------ Input data

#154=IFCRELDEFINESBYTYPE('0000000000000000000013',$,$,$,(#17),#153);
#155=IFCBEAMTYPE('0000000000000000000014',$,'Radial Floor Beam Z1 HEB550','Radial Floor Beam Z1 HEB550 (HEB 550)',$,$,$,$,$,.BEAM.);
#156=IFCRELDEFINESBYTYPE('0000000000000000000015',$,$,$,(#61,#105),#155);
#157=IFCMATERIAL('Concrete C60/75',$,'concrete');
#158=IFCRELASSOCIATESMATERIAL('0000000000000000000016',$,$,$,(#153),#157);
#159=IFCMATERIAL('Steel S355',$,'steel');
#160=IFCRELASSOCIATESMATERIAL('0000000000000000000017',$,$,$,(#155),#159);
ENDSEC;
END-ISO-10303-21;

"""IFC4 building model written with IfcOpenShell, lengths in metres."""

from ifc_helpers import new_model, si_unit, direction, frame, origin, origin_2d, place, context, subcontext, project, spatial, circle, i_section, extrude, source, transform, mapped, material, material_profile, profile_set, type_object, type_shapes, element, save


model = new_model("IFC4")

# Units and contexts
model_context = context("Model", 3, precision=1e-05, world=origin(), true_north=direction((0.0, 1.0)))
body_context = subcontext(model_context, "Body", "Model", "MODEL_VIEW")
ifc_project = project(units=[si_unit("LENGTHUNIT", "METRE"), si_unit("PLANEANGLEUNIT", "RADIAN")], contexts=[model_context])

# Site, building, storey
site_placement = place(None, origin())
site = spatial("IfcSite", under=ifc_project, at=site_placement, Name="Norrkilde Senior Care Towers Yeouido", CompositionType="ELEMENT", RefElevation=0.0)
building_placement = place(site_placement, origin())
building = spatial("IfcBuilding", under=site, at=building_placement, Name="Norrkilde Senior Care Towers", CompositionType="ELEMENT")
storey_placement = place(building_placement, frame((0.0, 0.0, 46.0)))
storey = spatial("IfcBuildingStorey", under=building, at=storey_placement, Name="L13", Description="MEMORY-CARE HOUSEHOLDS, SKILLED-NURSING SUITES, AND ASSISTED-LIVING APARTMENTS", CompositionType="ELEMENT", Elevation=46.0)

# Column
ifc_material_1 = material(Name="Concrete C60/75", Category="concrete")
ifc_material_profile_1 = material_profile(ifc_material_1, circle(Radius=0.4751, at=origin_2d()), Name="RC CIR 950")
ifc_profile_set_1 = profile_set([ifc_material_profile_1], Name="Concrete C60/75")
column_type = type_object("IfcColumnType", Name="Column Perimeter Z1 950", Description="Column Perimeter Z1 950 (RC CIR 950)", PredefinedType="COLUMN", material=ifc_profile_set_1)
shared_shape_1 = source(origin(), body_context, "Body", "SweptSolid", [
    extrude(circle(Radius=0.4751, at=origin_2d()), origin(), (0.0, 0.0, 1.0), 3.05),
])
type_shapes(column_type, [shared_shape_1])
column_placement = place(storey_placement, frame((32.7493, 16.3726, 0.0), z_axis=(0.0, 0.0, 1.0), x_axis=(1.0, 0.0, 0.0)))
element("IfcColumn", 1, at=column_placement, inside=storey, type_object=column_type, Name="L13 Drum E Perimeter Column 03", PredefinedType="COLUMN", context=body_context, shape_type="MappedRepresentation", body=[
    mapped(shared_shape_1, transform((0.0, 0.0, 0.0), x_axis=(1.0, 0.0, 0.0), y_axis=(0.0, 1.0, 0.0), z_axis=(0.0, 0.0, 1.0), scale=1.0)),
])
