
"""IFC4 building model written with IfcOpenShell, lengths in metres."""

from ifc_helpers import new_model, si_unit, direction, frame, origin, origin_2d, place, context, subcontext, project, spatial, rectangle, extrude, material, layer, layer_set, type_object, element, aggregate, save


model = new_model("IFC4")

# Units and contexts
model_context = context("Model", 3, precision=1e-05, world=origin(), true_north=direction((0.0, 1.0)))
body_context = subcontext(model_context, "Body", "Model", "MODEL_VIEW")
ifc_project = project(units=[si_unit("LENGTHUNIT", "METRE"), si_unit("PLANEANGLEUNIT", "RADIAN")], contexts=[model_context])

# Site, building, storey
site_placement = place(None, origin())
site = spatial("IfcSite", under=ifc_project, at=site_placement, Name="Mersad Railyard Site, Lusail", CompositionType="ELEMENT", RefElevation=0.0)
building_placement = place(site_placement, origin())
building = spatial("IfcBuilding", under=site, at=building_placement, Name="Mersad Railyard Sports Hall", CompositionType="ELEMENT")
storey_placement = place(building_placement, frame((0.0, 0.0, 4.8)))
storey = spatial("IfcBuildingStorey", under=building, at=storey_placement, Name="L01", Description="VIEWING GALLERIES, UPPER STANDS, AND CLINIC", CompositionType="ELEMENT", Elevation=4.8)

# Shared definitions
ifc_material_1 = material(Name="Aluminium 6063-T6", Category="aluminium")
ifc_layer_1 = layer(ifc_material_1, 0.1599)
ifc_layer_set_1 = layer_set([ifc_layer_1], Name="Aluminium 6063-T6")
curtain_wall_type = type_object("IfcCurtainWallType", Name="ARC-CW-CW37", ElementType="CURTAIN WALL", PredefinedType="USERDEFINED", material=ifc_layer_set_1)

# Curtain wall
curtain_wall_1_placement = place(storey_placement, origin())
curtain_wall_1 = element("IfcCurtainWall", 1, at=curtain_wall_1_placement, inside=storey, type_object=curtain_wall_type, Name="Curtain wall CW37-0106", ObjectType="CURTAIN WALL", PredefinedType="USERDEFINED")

------------

■ About this exercise: In full and word for word, write out the data above.

■ Result for this task:
#154=IFCRELDEFINESBYTYPE('0000000000000000000013',$,$,$,(#17),#153);
#155=IFCBEAMTYPE('0000000000000000000014',$,'Radial Floor Beam Z1 HEB550','Radial Floor Beam Z1 HEB550 (HEB 550)',$,$,$,$,$,.BEAM.);
#156=IFCRELDEFINESBYTYPE('0000000000000000000015',$,$,$,(#61,#105),#155);
#157=IFCMATERIAL('Concrete C60/75',$,'concrete');
#158=IFCRELASSOCIATESMATERIAL('0000000000000000000016',$,$,$,(#153),#157);
#159=IFCMATERIAL('Steel S355',$,'steel');
#160=IFCRELASSOCIATESMATERIAL('0000000000000000000017',$,$,$,(#155),#159);
ENDSEC;
END-ISO-10303-21;

"""IFC4 building model written with IfcOpenShell, lengths in metres."""

from ifc_helpers import new_model, si_unit, direction, frame, origin, origin_2d, place, context, subcontext, project, spatial, circle, i_section, extrude, source, transform, mapped, material, material_profile, profile_set, type_object, type_shapes, element, save


model = new_model("IFC4")

# Units and contexts
model_context = context("Model", 3, precision=1e-05, world=origin(), true_north=direction((0.0, 1.0)))
body_context = subcontext(model_context, "Body", "Model", "MODEL_VIEW")
ifc_project = project(units=[si_unit("LENGTHUNIT", "METRE"), si_unit("PLANEANGLEUNIT", "RADIAN")], contexts=[model_context])

# Site, building, storey
site_placement = place(None, origin())
site = spatial("IfcSite", under=ifc_project, at=site_placement, Name="Norrkilde Senior Care Towers Yeouido", CompositionType="ELEMENT", RefElevation=0.0)
building_placement = place(site_placement, origin())
building = spatial("IfcBuilding", under=site, at=building_placement, Name="Norrkilde Senior Care Towers", CompositionType="ELEMENT")
storey_placement = place(building_placement, frame((0.0, 0.0, 46.0)))
storey = spatial("IfcBuildingStorey", under=building, at=storey_placement, Name="L13", Description="MEMORY-CARE HOUSEHOLDS, SKILLED-NURSING SUITES, AND ASSISTED-LIVING APARTMENTS", CompositionType="ELEMENT", Elevation=46.0)

# Column
ifc_material_1 = material(Name="Concrete C60/75", Category="concrete")
ifc_material_profile_1 = material_profile(ifc_material_1, circle(Radius=0.4751, at=origin_2d()), Name="RC CIR 950")
ifc_profile_set_1 = profile_set([ifc_material_profile_1], Name="Concrete C60/75")
column_type = type_object("IfcColumnType", Name="Column Perimeter Z1 950", Description="Column Perimeter Z1 950 (RC CIR 950)", PredefinedType="COLUMN", material=ifc_profile_set_1)
shared_shape_1 = source(origin(), body_context, "Body", "SweptSolid", [
    extrude(circle(Radius=0.4751, at=origin_2d()), origin(), (0.0, 0.0, 1.0), 3.05),
])
type_shapes(column_type, [shared_shape_1])
column_placement = place(storey_placement, frame((32.7493, 16.3726, 0.0), z_axis=(0.0, 0.0, 1.0), x_axis=(1.0, 0.0, 0.0)))
element("IfcColumn", 1, at=column_placement, inside=storey, type_object=column_type, Name="L13 Drum E Perimeter Column 03", PredefinedType="COLUMN", context=body_context, shape_type="MappedRepresentation", body=[
    mapped(shared_shape_1, transform((0.0, 0.0, 0.0), x_axis=(1.0, 0.0, 0.0), y_axis=(0.0, 1.0, 0.0), z_axis=(0.0, 0.0, 1.0), scale=1.0)),
])

"""IFC4 building model written with IfcOpenShell, lengths in metres."""

from ifc_helpers import new_model, si_unit, direction, frame, origin, origin_2d, place, context, subcontext, project, spatial, rectangle, extrude, material, layer, layer_set, type_object, element, aggregate, save


model = new_model("IFC4")

# Units and contexts
model_context = context("Model", 3, precision=1e-05, world=origin(), true_north=direction((0.0, 1.0)))
body_context = subcontext(model_context, "Body", "Model", "MODEL_VIEW")
ifc_project = project(units=[si_unit("LENGTHUNIT", "METRE"), si_unit("PLANEANGLEUNIT", "RADIAN")], contexts=[model_context])

# Site, building, storey
site_placement = place(None, origin())
site = spatial("IfcSite", under=ifc_project, at=site_placement, Name="Mersad Railyard Site, Lusail", CompositionType="ELEMENT", RefElevation=0.0)
building_placement = place(site_placement, origin())
building = spatial("IfcBuilding", under=site, at=building_placement, Name="Mersad Railyard Sports Hall", CompositionType="ELEMENT")
storey_placement = place(building_placement, frame((0.0, 0.0, 4.8)))
storey = spatial("IfcBuildingStorey", under=building, at=storey_placement, Name="L01", Description="VIEWING GALLERIES, UPPER STANDS, AND CLINIC", CompositionType="ELEMENT", Elevation=4.8)

# Shared definitions
ifc_material_1 = material(Name="Aluminium 6063-T6", Category="aluminium")
ifc_layer_1 = layer(ifc_material_1, 0.1599)
ifc_layer_set_1 = layer_set([ifc_layer_1], Name="Aluminium 6063-T6")
curtain_wall_type = type_object("IfcCurtainWallType", Name="ARC-CW-CW37", ElementType="CURTAIN WALL", PredefinedType="USERDEFINED", material=ifc_layer_set_1)

# Curtain wall
curtain_wall_1_placement = place(storey_placement, origin())
curtain_wall_1 = element("IfcCurtainWall", 1, at=curtain_wall_1_placement, inside=storey, type_object=curtain_wall_type, Name="Curtain wall CW37-0106", ObjectType="CURTAIN WALL", PredefinedType="USERDEFINED")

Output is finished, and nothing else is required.